[Start of Attachment]
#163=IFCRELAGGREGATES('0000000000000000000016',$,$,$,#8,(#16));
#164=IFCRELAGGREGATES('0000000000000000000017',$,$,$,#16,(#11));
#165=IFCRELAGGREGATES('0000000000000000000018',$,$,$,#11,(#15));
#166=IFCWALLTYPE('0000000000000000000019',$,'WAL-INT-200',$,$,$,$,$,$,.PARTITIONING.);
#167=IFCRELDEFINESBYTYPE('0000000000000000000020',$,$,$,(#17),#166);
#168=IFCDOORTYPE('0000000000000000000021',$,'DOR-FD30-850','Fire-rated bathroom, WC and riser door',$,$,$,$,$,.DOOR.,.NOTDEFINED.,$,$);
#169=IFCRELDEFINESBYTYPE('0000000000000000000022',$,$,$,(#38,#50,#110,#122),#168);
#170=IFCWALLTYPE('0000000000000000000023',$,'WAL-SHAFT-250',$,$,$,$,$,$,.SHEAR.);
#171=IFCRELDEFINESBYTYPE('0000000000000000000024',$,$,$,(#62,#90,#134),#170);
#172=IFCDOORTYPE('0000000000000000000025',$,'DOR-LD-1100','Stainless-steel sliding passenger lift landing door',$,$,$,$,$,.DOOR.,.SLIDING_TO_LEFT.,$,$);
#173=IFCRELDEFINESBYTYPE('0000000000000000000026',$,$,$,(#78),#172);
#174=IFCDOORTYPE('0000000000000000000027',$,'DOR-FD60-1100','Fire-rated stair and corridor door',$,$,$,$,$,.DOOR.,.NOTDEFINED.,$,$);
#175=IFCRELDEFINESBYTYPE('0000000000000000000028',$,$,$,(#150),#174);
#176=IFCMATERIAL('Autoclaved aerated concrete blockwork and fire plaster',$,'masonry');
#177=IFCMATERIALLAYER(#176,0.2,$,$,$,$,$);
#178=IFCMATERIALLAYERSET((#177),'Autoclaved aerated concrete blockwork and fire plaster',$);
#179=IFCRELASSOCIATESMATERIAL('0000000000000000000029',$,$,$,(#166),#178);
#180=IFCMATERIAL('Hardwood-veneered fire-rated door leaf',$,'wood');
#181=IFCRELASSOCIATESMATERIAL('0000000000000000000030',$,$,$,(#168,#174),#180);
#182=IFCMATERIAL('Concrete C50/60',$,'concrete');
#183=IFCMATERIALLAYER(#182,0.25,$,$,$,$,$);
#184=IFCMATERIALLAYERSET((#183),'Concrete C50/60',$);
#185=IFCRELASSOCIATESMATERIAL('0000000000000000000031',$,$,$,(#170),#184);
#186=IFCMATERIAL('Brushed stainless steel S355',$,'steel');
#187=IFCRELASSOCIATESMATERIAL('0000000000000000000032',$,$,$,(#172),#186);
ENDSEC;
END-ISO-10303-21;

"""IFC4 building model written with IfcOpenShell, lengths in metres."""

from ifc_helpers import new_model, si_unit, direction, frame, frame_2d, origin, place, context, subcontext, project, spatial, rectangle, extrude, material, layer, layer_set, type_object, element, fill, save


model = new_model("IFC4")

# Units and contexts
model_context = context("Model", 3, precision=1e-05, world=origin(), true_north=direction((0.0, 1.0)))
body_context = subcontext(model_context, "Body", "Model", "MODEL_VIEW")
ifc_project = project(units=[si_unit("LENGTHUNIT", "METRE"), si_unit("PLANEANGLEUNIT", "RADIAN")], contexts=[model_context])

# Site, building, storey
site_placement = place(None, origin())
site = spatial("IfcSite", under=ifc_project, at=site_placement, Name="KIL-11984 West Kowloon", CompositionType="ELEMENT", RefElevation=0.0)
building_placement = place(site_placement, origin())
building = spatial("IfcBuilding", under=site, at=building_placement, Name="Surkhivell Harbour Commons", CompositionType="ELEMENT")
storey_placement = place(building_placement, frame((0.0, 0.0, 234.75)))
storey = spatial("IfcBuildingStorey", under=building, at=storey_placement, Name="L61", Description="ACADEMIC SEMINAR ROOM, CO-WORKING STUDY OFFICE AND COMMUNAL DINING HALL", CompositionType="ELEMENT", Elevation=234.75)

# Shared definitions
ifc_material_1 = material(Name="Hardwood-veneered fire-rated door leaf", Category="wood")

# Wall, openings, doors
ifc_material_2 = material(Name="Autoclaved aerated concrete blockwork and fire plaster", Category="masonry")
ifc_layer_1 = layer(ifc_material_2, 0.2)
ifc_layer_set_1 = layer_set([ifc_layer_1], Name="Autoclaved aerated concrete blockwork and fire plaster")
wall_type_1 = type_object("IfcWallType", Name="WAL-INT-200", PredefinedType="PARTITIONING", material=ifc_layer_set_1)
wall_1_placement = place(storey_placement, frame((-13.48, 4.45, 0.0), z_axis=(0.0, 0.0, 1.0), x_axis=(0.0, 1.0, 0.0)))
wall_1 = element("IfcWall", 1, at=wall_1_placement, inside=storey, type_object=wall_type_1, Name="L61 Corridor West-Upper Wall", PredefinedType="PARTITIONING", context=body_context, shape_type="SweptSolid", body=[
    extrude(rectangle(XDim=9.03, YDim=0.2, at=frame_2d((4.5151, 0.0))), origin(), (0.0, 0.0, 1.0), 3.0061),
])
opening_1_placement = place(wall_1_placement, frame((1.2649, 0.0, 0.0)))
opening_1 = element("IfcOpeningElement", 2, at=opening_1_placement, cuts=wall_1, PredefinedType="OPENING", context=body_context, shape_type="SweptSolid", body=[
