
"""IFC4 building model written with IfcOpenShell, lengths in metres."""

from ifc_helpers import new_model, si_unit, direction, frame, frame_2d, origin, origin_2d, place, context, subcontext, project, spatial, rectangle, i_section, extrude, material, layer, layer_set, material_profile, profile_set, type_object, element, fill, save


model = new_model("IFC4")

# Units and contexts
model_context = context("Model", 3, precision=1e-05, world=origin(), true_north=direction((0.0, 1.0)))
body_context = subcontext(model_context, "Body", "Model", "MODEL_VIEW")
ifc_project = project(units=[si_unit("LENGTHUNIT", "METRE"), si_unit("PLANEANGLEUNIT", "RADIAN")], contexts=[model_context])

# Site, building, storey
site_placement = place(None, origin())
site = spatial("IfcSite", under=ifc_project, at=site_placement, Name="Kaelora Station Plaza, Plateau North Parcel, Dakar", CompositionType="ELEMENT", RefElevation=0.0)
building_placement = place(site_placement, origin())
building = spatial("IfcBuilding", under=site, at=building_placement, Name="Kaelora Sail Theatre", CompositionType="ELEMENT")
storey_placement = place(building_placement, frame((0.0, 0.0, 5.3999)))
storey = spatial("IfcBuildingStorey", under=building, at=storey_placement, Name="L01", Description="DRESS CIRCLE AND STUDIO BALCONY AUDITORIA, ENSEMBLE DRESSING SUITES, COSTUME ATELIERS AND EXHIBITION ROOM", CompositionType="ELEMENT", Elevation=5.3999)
[End of Attachment]
[Start of Attachment]
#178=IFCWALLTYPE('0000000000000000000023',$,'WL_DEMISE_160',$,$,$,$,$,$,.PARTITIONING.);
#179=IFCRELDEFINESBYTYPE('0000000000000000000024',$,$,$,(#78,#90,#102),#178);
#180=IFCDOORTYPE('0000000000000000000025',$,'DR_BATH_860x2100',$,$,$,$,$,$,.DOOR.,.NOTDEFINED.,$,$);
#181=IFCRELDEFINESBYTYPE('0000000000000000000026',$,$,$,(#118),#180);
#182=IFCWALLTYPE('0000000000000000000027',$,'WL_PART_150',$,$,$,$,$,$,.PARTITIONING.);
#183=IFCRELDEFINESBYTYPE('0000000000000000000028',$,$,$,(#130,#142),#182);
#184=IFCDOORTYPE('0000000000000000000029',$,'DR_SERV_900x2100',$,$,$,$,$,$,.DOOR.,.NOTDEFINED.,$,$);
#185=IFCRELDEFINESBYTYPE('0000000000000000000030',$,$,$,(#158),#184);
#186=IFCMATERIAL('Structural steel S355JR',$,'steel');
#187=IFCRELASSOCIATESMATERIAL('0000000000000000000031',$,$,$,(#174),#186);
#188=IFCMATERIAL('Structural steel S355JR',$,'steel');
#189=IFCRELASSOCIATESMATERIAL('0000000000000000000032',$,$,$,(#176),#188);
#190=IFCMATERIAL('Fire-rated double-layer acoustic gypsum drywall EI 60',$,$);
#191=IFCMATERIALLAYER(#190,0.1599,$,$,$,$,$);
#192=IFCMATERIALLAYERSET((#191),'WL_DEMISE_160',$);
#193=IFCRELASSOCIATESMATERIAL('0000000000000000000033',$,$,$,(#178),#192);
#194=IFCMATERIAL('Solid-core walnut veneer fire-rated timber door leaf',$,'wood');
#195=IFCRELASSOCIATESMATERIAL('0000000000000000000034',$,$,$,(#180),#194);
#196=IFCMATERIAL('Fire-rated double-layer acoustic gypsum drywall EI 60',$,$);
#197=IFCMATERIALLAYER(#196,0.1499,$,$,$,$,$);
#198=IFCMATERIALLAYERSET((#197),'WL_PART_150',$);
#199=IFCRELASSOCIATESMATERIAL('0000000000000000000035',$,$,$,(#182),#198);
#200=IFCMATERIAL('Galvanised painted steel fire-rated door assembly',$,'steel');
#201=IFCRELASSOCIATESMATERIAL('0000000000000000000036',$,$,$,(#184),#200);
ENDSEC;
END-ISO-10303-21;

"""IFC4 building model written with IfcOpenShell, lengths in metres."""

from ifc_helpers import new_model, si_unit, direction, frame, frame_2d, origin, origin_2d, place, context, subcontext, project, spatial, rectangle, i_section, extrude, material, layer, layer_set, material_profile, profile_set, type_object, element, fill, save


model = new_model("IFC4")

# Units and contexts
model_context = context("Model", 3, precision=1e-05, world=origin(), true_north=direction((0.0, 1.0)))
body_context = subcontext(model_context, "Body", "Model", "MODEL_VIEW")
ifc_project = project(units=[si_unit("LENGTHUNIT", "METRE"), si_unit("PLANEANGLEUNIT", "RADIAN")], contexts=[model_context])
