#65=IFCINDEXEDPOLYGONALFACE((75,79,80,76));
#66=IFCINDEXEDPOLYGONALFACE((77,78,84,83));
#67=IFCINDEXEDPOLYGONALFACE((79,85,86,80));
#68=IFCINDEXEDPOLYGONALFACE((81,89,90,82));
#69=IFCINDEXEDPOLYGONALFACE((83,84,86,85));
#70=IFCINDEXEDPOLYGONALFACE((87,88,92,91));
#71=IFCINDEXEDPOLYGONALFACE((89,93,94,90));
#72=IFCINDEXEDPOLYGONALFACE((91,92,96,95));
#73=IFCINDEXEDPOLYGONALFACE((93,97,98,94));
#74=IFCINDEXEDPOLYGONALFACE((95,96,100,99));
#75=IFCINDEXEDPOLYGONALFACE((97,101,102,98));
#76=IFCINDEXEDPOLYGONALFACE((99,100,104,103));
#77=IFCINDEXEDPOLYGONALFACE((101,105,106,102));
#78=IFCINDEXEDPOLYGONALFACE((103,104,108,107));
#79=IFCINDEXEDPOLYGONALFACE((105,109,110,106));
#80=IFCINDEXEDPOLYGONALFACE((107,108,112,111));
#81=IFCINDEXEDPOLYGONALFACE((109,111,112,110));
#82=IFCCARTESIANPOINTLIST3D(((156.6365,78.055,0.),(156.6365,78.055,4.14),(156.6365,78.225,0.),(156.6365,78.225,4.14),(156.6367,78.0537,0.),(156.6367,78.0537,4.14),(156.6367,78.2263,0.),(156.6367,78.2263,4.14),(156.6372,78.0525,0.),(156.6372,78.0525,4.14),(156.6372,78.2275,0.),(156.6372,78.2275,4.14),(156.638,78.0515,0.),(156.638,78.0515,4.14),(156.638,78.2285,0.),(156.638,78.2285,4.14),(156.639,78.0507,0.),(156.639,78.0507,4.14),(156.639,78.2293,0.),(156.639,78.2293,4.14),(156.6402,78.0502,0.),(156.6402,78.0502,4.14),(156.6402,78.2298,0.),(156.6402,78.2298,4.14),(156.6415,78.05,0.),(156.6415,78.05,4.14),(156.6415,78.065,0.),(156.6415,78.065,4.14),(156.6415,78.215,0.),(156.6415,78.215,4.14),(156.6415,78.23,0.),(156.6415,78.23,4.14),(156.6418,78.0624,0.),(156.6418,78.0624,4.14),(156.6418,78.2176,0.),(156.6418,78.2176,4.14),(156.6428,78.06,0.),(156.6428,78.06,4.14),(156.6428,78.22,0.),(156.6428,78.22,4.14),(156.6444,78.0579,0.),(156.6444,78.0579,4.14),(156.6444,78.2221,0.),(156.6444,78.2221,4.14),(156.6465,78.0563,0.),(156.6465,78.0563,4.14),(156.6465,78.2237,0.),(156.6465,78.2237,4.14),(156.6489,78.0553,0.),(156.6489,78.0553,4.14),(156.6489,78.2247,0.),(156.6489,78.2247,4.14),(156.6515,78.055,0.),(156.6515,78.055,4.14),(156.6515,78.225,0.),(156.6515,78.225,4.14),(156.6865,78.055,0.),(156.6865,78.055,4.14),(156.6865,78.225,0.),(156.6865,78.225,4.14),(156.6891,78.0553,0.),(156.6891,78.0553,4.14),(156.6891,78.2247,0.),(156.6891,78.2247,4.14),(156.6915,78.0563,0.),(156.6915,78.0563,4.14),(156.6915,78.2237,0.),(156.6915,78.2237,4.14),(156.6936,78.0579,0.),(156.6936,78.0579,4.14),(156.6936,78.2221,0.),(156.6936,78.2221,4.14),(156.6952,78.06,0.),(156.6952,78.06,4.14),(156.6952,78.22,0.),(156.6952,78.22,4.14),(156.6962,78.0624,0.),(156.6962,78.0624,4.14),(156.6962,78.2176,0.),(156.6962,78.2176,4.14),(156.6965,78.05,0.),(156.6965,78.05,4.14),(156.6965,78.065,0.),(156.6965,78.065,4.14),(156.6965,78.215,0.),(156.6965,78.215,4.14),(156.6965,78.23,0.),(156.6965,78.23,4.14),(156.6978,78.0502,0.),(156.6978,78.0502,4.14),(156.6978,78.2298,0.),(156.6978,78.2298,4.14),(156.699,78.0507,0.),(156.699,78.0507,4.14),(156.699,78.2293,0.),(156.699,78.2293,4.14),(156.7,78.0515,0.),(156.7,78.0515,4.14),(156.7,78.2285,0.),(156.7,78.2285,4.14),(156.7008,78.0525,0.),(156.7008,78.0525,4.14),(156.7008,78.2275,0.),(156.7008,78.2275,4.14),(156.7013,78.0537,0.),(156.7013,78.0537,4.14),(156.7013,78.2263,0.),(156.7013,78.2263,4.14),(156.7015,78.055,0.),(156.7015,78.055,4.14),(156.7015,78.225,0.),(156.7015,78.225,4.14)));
[End of Attachment]
Assignment:
Your answer must be the lines above from the one containing "#163=IFCRELAGGREGATES('0000000000000000000016',$,$,$,#8,(#16));" to the one containing "#165=IFCRELAGGREGATES('0000000000000000000018',$,$,$,#11,(#15));", both included, restated word for word.

Solved exercise:
#163=IFCRELAGGREGATES('0000000000000000000016',$,$,$,#8,(#16));
#164=IFCRELAGGREGATES('0000000000000000000017',$,$,$,#16,(#11));
#165=IFCRELAGGREGATES('0000000000000000000018',$,$,$,#11,(#15));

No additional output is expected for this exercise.